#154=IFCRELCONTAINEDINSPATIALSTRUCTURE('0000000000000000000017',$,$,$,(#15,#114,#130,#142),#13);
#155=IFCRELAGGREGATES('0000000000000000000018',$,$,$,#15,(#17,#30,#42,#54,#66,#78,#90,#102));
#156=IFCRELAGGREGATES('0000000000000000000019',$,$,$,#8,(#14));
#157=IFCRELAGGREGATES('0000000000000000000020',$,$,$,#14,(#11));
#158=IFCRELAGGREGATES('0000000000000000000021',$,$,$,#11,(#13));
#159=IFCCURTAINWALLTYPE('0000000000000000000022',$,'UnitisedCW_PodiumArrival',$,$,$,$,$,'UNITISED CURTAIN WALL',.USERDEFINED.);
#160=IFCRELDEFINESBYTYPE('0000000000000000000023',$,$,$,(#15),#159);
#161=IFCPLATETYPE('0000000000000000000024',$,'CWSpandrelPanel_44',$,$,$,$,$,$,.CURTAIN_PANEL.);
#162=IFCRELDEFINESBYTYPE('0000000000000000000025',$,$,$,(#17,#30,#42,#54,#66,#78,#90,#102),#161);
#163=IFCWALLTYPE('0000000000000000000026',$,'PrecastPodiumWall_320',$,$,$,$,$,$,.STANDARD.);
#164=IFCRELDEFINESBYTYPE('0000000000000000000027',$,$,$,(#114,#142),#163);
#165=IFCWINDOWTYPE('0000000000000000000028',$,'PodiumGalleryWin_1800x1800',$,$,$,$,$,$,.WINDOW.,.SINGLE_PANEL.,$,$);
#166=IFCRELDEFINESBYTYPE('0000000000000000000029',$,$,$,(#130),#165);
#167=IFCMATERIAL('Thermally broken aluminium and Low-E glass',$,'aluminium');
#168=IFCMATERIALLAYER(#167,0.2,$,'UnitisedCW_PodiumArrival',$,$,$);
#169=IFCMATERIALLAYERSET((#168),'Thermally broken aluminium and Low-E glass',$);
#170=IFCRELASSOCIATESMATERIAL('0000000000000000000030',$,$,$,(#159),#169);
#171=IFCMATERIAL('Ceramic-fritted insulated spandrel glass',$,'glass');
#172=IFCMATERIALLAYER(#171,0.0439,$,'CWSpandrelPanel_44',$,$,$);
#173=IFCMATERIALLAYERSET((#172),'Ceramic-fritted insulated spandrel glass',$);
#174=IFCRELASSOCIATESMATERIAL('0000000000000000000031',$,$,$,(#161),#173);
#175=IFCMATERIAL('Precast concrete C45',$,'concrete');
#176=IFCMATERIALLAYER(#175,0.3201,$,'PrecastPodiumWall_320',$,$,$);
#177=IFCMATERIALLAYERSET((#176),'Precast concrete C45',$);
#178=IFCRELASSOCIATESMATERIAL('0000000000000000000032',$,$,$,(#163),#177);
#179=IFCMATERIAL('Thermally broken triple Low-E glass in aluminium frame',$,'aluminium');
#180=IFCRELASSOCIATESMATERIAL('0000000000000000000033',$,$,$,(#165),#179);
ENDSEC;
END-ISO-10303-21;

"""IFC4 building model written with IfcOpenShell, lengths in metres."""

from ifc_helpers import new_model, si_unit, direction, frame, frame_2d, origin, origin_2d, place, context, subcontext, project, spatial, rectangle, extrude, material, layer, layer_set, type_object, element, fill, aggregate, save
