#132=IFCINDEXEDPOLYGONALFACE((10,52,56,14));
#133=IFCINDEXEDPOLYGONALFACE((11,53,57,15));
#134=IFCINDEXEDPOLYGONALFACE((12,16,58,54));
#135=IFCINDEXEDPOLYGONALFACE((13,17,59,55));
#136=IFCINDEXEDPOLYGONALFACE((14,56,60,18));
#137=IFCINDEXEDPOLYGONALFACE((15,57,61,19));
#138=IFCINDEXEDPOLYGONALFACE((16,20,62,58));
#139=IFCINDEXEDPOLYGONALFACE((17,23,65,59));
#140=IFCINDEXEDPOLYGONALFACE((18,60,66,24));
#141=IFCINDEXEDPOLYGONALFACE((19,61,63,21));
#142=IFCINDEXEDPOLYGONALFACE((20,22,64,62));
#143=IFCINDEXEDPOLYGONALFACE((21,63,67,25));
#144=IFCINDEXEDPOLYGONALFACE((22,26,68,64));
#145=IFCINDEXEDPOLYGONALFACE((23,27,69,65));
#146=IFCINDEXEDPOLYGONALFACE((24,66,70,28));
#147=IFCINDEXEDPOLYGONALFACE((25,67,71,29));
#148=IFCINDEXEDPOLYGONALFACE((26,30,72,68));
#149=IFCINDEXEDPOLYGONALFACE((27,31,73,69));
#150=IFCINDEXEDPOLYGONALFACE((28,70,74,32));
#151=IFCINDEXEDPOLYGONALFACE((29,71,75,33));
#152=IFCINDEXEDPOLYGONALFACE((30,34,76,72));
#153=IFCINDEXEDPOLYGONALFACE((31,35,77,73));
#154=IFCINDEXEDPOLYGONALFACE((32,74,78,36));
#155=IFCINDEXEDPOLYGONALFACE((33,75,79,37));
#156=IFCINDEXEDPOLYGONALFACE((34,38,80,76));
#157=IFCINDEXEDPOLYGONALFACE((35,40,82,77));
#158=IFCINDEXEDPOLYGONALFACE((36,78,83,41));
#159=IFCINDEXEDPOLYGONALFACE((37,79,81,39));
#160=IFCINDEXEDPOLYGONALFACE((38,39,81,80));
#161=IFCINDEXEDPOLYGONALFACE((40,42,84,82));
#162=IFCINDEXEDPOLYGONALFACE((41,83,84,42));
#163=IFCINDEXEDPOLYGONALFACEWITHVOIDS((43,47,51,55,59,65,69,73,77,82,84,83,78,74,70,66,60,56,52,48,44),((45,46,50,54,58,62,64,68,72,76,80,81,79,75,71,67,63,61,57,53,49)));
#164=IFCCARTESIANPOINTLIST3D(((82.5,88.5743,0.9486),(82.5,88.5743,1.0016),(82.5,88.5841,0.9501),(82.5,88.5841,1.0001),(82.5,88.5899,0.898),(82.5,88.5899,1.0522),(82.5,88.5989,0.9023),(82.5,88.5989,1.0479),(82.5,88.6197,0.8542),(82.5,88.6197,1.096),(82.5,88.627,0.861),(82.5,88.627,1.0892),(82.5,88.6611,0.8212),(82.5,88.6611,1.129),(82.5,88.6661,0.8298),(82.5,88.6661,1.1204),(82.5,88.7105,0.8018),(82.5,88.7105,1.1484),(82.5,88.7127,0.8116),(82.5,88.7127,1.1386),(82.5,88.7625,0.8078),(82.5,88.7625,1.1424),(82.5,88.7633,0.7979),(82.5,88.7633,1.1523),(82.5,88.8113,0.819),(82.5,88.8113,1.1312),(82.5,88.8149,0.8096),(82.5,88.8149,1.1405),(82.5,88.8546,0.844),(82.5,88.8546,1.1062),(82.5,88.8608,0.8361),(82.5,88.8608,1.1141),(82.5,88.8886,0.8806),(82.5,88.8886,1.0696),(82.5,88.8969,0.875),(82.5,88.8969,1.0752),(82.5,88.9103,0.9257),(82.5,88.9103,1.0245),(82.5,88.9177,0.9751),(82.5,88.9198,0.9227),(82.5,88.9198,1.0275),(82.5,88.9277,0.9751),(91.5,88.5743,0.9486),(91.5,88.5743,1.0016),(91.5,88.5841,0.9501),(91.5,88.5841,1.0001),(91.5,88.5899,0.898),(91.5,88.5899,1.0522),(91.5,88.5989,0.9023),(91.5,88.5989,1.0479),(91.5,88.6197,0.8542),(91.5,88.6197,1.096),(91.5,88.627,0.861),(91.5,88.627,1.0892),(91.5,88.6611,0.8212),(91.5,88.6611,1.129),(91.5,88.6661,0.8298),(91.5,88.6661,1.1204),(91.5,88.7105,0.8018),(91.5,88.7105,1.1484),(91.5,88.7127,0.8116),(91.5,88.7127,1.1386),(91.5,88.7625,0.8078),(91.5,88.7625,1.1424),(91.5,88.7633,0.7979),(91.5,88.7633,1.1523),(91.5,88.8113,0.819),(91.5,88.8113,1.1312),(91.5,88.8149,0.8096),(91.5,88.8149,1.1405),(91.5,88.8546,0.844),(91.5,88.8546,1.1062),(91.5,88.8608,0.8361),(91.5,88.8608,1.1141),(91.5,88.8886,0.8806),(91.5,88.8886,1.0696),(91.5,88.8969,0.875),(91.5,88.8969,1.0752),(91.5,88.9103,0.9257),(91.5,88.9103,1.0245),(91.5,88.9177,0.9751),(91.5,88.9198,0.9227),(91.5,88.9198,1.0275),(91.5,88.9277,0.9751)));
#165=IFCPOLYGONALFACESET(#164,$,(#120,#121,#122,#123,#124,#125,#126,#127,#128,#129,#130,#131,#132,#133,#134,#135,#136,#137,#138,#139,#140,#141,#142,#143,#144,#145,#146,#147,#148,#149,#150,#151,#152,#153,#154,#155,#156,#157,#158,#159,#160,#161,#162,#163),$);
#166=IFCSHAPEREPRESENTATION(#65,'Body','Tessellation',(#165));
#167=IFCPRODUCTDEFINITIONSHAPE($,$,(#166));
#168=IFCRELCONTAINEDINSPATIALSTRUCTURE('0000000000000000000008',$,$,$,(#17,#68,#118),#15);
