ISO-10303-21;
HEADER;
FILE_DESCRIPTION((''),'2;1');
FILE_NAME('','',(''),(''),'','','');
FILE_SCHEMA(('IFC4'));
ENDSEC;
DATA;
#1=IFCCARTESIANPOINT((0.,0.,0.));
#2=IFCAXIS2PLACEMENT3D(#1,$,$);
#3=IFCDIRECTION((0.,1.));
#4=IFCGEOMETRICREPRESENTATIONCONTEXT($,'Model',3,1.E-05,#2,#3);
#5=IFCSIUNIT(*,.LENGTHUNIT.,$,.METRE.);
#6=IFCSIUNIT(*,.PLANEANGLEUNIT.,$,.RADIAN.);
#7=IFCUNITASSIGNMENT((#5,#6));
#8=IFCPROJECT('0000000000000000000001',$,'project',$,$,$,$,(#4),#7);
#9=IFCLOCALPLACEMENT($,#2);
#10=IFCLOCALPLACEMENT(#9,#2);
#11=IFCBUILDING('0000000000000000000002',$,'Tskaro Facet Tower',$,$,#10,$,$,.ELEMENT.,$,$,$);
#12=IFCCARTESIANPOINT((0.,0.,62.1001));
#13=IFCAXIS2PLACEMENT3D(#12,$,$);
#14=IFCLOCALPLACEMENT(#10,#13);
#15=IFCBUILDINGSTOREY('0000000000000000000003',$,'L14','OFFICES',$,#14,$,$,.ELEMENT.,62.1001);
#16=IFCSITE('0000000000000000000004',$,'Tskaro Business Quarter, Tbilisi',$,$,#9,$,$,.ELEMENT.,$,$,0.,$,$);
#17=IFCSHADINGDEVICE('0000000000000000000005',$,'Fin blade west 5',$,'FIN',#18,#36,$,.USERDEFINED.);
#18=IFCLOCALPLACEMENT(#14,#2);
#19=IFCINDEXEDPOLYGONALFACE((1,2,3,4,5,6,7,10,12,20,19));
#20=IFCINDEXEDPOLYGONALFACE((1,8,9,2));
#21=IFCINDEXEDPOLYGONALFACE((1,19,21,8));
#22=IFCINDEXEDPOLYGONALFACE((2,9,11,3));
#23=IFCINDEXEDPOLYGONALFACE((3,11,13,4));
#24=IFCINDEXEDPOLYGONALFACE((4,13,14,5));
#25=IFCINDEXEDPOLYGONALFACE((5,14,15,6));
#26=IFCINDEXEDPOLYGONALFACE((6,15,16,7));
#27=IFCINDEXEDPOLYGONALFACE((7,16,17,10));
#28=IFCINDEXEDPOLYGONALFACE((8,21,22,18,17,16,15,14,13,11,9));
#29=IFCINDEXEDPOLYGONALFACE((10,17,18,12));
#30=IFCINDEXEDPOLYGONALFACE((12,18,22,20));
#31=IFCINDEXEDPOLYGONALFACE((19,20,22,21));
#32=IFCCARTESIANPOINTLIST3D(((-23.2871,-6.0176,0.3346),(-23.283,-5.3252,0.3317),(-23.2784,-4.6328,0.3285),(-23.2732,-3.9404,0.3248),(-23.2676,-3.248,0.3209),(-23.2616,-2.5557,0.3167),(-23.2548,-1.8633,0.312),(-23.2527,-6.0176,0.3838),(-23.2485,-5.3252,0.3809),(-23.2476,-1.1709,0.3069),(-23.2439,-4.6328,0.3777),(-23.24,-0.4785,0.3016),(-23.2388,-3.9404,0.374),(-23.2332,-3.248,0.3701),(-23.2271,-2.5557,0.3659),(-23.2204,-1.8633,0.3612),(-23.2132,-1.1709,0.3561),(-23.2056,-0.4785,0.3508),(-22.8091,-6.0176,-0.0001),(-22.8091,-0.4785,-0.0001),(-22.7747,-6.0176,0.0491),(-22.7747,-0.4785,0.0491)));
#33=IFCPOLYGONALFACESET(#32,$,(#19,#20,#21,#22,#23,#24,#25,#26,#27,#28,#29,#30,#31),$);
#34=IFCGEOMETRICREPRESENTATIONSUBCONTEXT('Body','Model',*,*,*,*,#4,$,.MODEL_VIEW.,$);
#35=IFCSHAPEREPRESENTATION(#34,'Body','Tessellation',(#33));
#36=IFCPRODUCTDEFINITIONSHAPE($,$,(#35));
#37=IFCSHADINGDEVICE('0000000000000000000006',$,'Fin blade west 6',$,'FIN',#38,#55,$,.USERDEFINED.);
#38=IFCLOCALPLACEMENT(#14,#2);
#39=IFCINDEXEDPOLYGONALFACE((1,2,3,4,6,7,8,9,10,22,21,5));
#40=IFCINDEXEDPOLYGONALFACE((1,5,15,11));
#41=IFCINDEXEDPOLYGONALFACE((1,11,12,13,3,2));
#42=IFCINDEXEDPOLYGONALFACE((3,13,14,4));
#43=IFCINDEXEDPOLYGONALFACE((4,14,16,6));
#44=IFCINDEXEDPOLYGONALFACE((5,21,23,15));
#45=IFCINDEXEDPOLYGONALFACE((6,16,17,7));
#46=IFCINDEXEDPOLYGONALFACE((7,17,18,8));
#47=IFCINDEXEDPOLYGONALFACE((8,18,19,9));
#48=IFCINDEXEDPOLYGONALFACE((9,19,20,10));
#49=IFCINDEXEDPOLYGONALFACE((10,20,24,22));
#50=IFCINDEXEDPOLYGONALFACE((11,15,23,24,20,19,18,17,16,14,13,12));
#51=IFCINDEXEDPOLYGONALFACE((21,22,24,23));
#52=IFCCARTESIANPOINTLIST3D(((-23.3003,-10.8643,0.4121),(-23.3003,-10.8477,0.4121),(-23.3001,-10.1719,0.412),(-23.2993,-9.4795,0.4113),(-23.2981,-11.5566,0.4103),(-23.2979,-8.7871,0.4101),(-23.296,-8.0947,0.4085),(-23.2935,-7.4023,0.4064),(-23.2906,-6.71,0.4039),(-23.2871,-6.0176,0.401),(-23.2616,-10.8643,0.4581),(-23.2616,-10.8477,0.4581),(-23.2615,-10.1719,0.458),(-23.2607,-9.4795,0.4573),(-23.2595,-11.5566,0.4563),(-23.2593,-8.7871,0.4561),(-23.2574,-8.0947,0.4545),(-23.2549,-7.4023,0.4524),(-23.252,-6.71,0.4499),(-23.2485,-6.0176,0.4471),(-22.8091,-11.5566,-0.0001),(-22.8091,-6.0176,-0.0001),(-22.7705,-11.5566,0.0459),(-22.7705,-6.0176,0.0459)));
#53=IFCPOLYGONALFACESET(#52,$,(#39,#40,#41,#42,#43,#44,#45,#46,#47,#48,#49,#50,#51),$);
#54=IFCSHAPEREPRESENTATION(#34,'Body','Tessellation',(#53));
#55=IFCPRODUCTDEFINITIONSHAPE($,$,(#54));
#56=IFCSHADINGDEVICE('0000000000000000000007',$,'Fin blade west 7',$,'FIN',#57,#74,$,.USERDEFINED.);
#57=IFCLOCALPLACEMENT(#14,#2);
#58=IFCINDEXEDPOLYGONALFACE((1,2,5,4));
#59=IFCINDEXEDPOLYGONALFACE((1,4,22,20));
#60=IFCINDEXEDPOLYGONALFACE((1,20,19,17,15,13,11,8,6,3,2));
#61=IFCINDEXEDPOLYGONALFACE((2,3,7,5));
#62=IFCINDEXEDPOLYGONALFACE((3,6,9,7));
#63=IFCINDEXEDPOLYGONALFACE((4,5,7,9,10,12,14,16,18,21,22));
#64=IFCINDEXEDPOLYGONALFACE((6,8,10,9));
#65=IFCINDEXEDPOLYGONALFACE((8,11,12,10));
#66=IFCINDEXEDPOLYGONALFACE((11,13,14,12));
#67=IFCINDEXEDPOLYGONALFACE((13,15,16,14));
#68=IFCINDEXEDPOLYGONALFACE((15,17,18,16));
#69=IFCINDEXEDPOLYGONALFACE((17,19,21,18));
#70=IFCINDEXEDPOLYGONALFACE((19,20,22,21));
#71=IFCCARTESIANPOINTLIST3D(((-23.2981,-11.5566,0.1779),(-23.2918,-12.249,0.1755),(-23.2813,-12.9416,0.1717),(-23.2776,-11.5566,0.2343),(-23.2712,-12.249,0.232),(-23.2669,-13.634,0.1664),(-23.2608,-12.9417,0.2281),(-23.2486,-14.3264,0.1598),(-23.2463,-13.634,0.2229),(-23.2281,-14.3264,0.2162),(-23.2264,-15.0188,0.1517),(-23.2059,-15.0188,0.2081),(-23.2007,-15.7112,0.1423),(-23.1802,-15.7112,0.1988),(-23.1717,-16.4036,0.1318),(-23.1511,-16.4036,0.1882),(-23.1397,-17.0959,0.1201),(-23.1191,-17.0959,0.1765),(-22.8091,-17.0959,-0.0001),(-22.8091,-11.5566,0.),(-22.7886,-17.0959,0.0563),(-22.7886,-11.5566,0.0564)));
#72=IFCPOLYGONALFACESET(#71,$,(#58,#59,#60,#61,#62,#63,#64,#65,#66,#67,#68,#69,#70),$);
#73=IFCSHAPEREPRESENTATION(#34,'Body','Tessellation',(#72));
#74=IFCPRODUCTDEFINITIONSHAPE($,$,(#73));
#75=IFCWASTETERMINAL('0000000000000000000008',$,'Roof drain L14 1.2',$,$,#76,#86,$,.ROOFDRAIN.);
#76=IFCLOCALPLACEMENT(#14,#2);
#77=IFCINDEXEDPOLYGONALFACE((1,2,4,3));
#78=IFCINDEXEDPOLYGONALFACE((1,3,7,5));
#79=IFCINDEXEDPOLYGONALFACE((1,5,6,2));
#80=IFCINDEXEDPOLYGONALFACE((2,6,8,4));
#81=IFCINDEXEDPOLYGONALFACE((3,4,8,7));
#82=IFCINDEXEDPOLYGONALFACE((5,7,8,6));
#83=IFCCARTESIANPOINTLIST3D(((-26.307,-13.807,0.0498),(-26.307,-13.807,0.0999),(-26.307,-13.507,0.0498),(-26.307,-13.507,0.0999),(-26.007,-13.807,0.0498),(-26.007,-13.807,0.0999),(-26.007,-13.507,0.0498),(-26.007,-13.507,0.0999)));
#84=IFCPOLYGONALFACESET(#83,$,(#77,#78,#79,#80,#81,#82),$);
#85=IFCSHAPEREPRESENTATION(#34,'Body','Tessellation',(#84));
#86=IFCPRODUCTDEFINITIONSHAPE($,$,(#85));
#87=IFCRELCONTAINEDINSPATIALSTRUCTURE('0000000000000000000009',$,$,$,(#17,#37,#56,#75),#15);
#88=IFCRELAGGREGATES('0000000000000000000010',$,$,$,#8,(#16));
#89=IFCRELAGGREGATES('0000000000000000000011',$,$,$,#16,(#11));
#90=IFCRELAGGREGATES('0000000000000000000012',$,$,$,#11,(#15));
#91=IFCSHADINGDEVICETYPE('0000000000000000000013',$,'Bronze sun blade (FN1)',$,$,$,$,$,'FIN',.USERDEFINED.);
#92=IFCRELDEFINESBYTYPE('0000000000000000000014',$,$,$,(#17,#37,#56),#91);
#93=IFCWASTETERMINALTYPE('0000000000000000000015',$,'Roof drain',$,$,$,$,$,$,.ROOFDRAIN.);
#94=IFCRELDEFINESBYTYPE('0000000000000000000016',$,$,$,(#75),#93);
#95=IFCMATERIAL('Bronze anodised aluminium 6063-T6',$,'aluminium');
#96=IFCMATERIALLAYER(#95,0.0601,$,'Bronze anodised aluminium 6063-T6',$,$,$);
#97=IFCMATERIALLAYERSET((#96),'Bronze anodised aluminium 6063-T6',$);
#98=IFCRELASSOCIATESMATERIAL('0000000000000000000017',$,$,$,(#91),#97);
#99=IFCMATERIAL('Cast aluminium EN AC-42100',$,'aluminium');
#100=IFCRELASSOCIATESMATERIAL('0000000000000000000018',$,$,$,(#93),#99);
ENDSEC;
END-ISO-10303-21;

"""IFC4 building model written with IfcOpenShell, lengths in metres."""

from ifc_helpers import new_model, si_unit, direction, frame, origin, origin_2d, place, context, subcontext, project, spatial, polyline, rectangle, outline, extrude, material, layer, layer_set, type_object, element, save


model = new_model("IFC4")

# Units and contexts
model_context = context("Model", 3, precision=1e-05, world=origin(), true_north=direction((0.0, 1.0)))
body_context = subcontext(model_context, "Body", "Model", "MODEL_VIEW")
ifc_project = project(units=[si_unit("LENGTHUNIT", "METRE"), si_unit("PLANEANGLEUNIT", "RADIAN")], contexts=[model_context])

# Site, building, storey
site_placement = place(None, origin())
site = spatial("IfcSite", under=ifc_project, at=site_placement, Name="Tskaro Business Quarter, Tbilisi", CompositionType="ELEMENT", RefElevation=0.0)
building_placement = place(site_placement, origin())
building = spatial("IfcBuilding", under=site, at=building_placement, Name="Tskaro Facet Tower", CompositionType="ELEMENT")
storey_placement = place(building_placement, frame((0.0, 0.0, 62.1001)))
storey = spatial("IfcBuildingStorey", under=building, at=storey_placement, Name="L14", Description="OFFICES", CompositionType="ELEMENT", Elevation=62.1001)

# Shared definitions
ifc_material_1 = material(Name="Bronze anodised aluminium 6063-T6", Category="aluminium")

# Shading devices
ifc_layer_1 = layer(ifc_material_1, 0.0601, Name="Bronze anodised aluminium 6063-T6")
ifc_layer_set_1 = layer_set([ifc_layer_1], Name="Bronze anodised aluminium 6063-T6")
shading_device_type = type_object("IfcShadingDeviceType", Name="Bronze sun blade (FN1)", ElementType="FIN", PredefinedType="USERDEFINED", material=ifc_layer_set_1)
shading_device_1_placement = place(storey_placement, frame((-22.7747, -0.4785, 0.0491), z_axis=(0.573593, -0.000003, 0.819141), x_axis=(-0.000002, -1.0, -0.000002)))
element("IfcShadingDevice", 1, at=shading_device_1_placement, inside=storey, type_object=shading_device_type, Name="Fin blade west 5", ObjectType="FIN", PredefinedType="USERDEFINED", context=body_context, shape_type="SweptSolid", body=[
    extrude(outline(polyline([(0.0, 0.0), (5.5391, 0.0), (5.5391, -0.5836), (4.8467, -0.5785), (4.1543, -0.5729), (3.4619, -0.5666), (2.7695, -0.5597), (2.0771, -0.5523), (1.3848, -0.5441), (0.6924, -0.5353), (0.0, -0.5261), (0.0, 0.0)])), origin(), (0.0, 0.0, -1.0), 0.0601),
])
shading_device_2_placement = place(storey_placement, frame((-22.7705, -6.0176, 0.0459), z_axis=(0.642845, 0.000004, 0.765997), x_axis=(0.000002, -1.0, 0.000003)))
element("IfcShadingDevice", 2, at=shading_device_2_placement, inside=storey, type_object=shading_device_type, Name="Fin blade west 6", ObjectType="FIN", PredefinedType="USERDEFINED", context=body_context, shape_type="SweptSolid", body=[
    extrude(outline(polyline([(0.0, 0.0), (5.5391, 0.0), (5.5391, -0.6384), (4.8467, -0.6412), (4.8301, -0.6412), (4.1543, -0.641), (3.4619, -0.64), (2.7695, -0.6381), (2.0771, -0.6356), (1.3848, -0.6323), (0.6924, -0.6285), (0.0, -0.624), (0.0, 0.0)])), origin(), (0.0, 0.0, -1.0), 0.0601),
])
shading_device_3_placement = place(storey_placement, frame((-22.7886, -11.5566, 0.0564), z_axis=(0.341853, -0.000019, 0.939753), x_axis=(-0.000006, -1.0, -0.000017)))
element("IfcShadingDevice", 3, at=shading_device_3_placement, inside=storey, type_object=shading_device_type, Name="Fin blade west 7", ObjectType="FIN", PredefinedType="USERDEFINED", context=body_context, shape_type="SweptSolid", body=[
    extrude(outline(polyline([(0.0, 0.0), (5.5393, 0.0), (5.5393, -0.3517), (4.8469, -0.3858), (4.1545, -0.4167), (3.4622, -0.444), (2.7698, -0.4676), (2.0774, -0.4871), (1.385, -0.5025), (0.6924, -0.5136), (0.0, -0.5204), (0.0, 0.0)])), origin(), (0.0, 0.0, -1.0), 0.0601),
])

# Waste terminal
ifc_material_2 = material(Name="Cast aluminium EN AC-42100", Category="aluminium")
waste_terminal_type = type_object("IfcWasteTerminalType", Name="Roof drain", PredefinedType="ROOFDRAIN", material=ifc_material_2)
waste_terminal_placement = place(storey_placement, frame((-26.157, -13.657, 0.0498), z_axis=(0.0, 0.0, 1.0), x_axis=(1.0, 0.0, 0.0)))
element("IfcWasteTerminal", 4, at=waste_terminal_placement, inside=storey, type_object=waste_terminal_type, Name="Roof drain L14 1.2", PredefinedType="ROOFDRAIN", context=body_context, shape_type="SweptSolid", body=[
    extrude(rectangle(XDim=0.3, YDim=0.3, at=origin_2d()), origin(), (0.0, 0.0, 1.0), 0.05),
])

save(model, "model.ifc")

+++++

In the entries above, locate every line with the word "IFCRELAGGREGATES" and copy it.

#155=IFCRELAGGREGATES('0000000000000000000018',$,$,$,#15,(#17,#30,#42,#54,#66,#78,#90,#102));
#156=IFCRELAGGREGATES('0000000000000000000019',$,$,$,#8,(#14));
#157=IFCRELAGGREGATES('0000000000000000000020',$,$,$,#14,(#11));
#158=IFCRELAGGREGATES('0000000000000000000021',$,$,$,#11,(#13));
#88=IFCRELAGGREGATES('0000000000000000000010',$,$,$,#8,(#16));
#89=IFCRELAGGREGATES('0000000000000000000011',$,$,$,#16,(#11));
#90=IFCRELAGGREGATES('0000000000000000000012',$,$,$,#11,(#15));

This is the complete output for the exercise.